## SUPPLIED MATERIAL

=-=-=-=-=

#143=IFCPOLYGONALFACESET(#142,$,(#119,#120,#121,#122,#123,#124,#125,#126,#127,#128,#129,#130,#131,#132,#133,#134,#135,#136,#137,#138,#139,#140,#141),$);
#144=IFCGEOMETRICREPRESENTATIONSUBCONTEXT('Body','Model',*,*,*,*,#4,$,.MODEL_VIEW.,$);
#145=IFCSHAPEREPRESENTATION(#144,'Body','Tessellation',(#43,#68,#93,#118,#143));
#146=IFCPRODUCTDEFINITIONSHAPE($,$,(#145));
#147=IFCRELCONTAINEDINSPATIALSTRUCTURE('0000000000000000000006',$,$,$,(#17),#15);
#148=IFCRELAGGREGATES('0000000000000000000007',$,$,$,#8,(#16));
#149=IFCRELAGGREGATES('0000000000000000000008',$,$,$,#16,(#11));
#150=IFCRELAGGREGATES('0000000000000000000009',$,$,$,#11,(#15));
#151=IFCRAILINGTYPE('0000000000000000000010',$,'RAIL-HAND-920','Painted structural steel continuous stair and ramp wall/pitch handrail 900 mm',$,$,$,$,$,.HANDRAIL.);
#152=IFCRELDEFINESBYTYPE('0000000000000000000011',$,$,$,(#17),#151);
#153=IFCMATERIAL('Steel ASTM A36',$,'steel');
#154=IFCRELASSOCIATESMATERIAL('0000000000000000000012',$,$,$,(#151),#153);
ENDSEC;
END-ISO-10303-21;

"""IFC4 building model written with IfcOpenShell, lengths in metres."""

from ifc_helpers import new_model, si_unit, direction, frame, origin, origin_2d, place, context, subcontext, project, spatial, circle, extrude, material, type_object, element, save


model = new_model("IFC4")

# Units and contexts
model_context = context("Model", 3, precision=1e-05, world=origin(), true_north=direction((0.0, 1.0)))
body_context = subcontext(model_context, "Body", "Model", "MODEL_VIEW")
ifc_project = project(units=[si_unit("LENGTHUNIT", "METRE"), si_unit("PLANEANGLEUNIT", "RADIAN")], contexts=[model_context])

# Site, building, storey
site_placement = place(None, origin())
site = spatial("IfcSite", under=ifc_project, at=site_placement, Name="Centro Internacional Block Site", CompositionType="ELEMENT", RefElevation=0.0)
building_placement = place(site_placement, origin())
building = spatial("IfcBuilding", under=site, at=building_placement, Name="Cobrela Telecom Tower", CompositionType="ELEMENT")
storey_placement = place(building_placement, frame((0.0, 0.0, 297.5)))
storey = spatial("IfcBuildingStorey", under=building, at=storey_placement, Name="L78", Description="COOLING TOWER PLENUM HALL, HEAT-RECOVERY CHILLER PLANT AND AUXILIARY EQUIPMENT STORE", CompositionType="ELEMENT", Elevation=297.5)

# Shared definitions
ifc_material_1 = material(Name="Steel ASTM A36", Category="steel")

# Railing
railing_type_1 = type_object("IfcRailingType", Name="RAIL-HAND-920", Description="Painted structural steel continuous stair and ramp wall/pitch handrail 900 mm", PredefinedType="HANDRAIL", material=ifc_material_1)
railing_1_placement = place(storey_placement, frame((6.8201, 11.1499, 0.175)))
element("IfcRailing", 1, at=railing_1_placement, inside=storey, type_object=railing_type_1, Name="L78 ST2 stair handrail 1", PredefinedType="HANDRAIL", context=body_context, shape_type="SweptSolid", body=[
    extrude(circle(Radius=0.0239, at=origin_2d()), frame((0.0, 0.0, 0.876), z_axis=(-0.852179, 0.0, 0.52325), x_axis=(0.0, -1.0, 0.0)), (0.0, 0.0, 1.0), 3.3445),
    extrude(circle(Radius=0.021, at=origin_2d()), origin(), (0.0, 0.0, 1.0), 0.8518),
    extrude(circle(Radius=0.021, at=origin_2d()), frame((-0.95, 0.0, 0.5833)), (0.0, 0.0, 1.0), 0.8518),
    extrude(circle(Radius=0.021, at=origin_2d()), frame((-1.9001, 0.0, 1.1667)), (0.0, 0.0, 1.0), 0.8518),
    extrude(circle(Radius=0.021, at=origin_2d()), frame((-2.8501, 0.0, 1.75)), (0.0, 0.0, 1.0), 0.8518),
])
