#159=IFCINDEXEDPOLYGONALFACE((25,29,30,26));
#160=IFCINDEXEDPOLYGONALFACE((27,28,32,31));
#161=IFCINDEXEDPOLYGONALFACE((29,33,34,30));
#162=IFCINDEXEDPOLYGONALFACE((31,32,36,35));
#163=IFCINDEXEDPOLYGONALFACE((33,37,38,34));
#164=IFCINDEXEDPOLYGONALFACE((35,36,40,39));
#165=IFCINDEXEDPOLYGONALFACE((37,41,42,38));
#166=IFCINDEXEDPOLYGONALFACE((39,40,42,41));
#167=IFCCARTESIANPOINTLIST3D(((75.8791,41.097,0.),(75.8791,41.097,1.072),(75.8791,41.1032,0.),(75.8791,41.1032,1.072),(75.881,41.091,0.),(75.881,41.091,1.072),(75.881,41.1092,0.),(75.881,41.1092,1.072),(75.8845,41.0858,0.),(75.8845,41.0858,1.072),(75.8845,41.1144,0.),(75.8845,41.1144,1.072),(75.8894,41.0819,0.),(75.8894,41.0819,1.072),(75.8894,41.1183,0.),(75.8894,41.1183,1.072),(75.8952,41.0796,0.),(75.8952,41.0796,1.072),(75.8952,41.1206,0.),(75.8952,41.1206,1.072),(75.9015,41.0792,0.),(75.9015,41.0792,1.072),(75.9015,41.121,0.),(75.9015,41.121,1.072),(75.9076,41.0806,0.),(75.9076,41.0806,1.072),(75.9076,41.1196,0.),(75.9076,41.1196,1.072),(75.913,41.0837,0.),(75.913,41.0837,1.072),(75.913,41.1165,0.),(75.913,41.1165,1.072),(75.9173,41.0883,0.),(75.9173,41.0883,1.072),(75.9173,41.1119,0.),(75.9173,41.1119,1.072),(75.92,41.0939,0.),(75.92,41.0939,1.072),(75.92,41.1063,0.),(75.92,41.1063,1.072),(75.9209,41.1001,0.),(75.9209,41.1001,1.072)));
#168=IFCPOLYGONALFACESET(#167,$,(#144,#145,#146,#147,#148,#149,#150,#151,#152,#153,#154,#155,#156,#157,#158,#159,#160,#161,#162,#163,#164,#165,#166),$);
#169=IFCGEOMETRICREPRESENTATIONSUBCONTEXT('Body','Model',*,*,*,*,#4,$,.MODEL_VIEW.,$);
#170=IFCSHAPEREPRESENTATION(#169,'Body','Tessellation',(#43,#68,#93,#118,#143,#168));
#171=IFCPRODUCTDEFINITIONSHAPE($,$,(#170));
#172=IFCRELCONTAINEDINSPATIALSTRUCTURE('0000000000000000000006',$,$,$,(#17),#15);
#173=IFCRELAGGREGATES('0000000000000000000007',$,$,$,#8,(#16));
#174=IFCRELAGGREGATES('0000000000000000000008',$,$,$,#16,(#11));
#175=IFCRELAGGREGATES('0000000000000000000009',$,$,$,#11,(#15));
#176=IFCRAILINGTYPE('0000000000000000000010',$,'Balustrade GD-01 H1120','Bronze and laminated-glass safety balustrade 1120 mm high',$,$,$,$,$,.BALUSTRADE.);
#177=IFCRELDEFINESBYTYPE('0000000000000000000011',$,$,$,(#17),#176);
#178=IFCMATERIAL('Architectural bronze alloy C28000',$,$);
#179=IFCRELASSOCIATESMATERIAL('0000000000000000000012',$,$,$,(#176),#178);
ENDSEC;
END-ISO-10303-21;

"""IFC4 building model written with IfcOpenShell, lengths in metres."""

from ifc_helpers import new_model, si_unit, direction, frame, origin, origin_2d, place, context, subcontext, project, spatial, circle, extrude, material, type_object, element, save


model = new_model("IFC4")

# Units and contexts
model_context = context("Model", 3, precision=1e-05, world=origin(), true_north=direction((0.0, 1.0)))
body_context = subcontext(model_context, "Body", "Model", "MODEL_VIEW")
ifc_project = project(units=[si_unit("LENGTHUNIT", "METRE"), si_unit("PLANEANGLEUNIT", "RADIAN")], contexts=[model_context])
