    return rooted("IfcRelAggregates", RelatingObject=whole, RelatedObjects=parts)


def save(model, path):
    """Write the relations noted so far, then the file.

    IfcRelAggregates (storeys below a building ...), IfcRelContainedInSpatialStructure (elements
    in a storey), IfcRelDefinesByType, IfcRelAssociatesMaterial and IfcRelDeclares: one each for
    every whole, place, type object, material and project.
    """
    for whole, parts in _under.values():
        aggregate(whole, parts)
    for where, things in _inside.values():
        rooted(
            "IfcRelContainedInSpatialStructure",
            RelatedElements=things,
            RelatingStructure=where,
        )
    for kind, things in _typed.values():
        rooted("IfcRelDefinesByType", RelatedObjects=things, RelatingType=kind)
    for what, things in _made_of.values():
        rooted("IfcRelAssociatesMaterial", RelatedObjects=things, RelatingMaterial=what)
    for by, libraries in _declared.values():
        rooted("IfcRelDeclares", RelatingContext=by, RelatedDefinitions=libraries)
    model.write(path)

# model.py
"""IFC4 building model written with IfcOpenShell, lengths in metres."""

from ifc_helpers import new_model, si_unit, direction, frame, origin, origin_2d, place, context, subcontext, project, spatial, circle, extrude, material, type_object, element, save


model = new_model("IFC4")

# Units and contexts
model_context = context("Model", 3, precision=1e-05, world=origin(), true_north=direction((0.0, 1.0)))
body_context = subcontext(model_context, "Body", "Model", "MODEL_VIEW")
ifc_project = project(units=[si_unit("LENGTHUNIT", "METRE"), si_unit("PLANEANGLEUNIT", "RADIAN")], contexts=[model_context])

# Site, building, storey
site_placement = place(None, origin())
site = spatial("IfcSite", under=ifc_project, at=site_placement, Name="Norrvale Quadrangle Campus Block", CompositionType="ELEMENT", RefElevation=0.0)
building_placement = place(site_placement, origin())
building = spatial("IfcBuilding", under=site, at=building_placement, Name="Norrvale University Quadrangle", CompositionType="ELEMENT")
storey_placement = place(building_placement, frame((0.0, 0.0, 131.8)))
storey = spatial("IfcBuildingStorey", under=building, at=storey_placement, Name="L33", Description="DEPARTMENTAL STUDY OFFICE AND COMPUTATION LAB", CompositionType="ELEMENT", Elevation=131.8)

=-=-=-=-=

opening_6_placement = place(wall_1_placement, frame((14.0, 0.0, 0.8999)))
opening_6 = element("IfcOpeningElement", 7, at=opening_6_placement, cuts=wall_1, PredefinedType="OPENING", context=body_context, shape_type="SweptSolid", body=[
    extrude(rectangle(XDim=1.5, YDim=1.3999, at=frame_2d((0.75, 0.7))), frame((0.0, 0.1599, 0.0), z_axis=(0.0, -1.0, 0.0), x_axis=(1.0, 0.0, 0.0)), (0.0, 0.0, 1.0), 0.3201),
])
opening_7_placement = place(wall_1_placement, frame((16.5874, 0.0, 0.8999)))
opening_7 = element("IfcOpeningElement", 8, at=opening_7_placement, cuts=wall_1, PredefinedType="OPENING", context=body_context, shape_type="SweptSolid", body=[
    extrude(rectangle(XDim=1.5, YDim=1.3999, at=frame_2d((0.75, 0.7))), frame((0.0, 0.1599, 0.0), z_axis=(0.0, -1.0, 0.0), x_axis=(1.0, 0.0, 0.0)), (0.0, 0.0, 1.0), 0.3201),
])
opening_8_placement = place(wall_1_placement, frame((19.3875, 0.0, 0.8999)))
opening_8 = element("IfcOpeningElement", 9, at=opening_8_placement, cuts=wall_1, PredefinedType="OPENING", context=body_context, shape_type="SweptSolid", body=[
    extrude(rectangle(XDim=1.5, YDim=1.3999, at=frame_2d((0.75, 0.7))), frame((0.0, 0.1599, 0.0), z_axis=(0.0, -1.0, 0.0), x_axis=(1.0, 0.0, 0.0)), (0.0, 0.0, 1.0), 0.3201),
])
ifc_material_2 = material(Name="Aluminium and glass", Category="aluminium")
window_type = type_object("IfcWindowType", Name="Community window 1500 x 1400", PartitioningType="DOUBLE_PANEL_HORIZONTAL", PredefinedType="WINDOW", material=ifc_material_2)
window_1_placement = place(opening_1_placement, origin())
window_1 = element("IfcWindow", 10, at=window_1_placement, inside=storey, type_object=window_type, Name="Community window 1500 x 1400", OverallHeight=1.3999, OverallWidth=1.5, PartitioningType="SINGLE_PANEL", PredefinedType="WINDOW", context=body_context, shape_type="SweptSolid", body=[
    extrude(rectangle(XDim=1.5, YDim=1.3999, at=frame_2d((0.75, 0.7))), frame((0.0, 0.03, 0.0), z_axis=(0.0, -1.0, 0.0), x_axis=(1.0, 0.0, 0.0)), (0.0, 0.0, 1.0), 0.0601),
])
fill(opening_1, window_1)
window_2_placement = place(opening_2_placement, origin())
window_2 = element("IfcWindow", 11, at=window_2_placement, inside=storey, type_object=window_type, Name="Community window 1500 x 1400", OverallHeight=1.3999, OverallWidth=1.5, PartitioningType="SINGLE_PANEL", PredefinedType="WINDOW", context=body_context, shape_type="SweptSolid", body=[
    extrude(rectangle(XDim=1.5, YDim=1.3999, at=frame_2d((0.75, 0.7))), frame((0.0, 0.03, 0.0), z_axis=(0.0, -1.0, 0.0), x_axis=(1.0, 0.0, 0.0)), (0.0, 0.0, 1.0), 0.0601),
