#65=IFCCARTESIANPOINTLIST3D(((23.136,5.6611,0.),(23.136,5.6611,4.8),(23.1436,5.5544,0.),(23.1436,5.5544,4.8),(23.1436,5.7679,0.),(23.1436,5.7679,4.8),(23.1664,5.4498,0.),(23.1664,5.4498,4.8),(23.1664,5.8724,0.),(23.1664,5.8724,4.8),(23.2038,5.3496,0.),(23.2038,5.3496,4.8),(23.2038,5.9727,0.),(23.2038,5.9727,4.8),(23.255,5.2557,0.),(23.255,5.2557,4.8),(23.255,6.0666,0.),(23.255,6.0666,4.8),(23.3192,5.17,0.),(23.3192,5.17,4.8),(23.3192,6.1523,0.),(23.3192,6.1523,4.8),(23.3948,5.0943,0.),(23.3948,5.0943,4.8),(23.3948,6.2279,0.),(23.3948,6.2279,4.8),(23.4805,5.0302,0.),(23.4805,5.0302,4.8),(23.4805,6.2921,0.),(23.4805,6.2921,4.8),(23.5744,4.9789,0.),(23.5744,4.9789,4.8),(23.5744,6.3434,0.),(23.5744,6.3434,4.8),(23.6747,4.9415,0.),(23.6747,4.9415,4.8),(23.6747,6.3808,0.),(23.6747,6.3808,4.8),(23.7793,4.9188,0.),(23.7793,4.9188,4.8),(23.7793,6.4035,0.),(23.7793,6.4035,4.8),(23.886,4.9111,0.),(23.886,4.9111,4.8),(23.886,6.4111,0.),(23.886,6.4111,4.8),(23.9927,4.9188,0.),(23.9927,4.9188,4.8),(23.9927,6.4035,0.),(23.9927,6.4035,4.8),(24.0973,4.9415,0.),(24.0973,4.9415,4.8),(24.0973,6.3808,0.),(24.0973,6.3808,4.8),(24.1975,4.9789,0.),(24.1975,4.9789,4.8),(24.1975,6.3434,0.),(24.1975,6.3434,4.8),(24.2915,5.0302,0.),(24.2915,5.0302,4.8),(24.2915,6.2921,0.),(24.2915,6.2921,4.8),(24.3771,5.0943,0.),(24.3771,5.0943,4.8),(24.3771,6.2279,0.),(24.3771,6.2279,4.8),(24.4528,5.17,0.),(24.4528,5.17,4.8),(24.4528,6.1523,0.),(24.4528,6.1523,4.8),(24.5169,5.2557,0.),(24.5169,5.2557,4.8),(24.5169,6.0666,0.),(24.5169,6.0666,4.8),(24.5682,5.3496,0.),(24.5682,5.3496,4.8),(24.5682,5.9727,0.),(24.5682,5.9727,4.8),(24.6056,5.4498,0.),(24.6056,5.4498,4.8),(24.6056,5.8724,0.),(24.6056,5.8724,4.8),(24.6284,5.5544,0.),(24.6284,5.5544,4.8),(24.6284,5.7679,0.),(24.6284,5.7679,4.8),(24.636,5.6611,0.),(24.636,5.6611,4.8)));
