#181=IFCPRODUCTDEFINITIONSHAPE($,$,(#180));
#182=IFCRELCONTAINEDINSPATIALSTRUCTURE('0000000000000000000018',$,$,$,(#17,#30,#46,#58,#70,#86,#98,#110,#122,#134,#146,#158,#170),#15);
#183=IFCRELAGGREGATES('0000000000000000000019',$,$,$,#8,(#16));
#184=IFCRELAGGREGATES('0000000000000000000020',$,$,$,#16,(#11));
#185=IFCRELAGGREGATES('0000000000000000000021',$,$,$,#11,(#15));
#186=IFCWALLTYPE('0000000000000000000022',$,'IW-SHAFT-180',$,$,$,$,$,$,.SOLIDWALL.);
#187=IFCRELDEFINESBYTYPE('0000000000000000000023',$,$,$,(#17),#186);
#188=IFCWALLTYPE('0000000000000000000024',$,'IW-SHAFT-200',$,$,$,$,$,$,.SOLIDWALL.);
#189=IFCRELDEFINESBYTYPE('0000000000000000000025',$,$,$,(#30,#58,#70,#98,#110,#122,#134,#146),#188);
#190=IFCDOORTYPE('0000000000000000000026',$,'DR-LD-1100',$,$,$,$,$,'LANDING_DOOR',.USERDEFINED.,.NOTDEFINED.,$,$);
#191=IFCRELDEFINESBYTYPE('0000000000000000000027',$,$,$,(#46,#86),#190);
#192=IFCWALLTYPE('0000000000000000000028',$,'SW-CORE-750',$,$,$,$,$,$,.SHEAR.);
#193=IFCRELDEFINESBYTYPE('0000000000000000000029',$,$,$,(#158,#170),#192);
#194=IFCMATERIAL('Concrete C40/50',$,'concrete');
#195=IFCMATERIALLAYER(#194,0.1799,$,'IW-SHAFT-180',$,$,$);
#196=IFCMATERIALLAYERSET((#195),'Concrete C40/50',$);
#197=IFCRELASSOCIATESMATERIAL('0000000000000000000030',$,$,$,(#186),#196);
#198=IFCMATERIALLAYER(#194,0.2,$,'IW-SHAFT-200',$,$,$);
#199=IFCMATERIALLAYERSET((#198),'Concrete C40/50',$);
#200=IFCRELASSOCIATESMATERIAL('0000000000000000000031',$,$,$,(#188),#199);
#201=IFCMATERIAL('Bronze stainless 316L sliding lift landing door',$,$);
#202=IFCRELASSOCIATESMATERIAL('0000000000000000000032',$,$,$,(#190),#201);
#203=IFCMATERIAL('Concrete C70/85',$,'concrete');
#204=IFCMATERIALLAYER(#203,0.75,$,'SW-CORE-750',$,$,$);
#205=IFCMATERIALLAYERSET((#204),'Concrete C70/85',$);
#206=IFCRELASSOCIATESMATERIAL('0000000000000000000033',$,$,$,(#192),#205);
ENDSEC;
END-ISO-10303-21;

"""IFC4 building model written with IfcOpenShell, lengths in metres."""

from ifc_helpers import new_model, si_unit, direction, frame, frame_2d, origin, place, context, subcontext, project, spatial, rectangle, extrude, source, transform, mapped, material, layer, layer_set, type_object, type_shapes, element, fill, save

=-=-=-=-=

## WHAT THE EXERCISE ASKS
Among the records above, only the lines between the line holding "#162=IFCINDEXEDPOLYGONALFACE((31,32,36,35));" and the line holding "#166=IFCINDEXEDPOLYGONALFACE((39,40,42,41));", inclusive, are to be output, exactly as written.

## EXERCISE RESPONSE
#162=IFCINDEXEDPOLYGONALFACE((31,32,36,35));
#163=IFCINDEXEDPOLYGONALFACE((33,37,38,34));
#164=IFCINDEXEDPOLYGONALFACE((35,36,40,39));
#165=IFCINDEXEDPOLYGONALFACE((37,41,42,38));
#166=IFCINDEXEDPOLYGONALFACE((39,40,42,41));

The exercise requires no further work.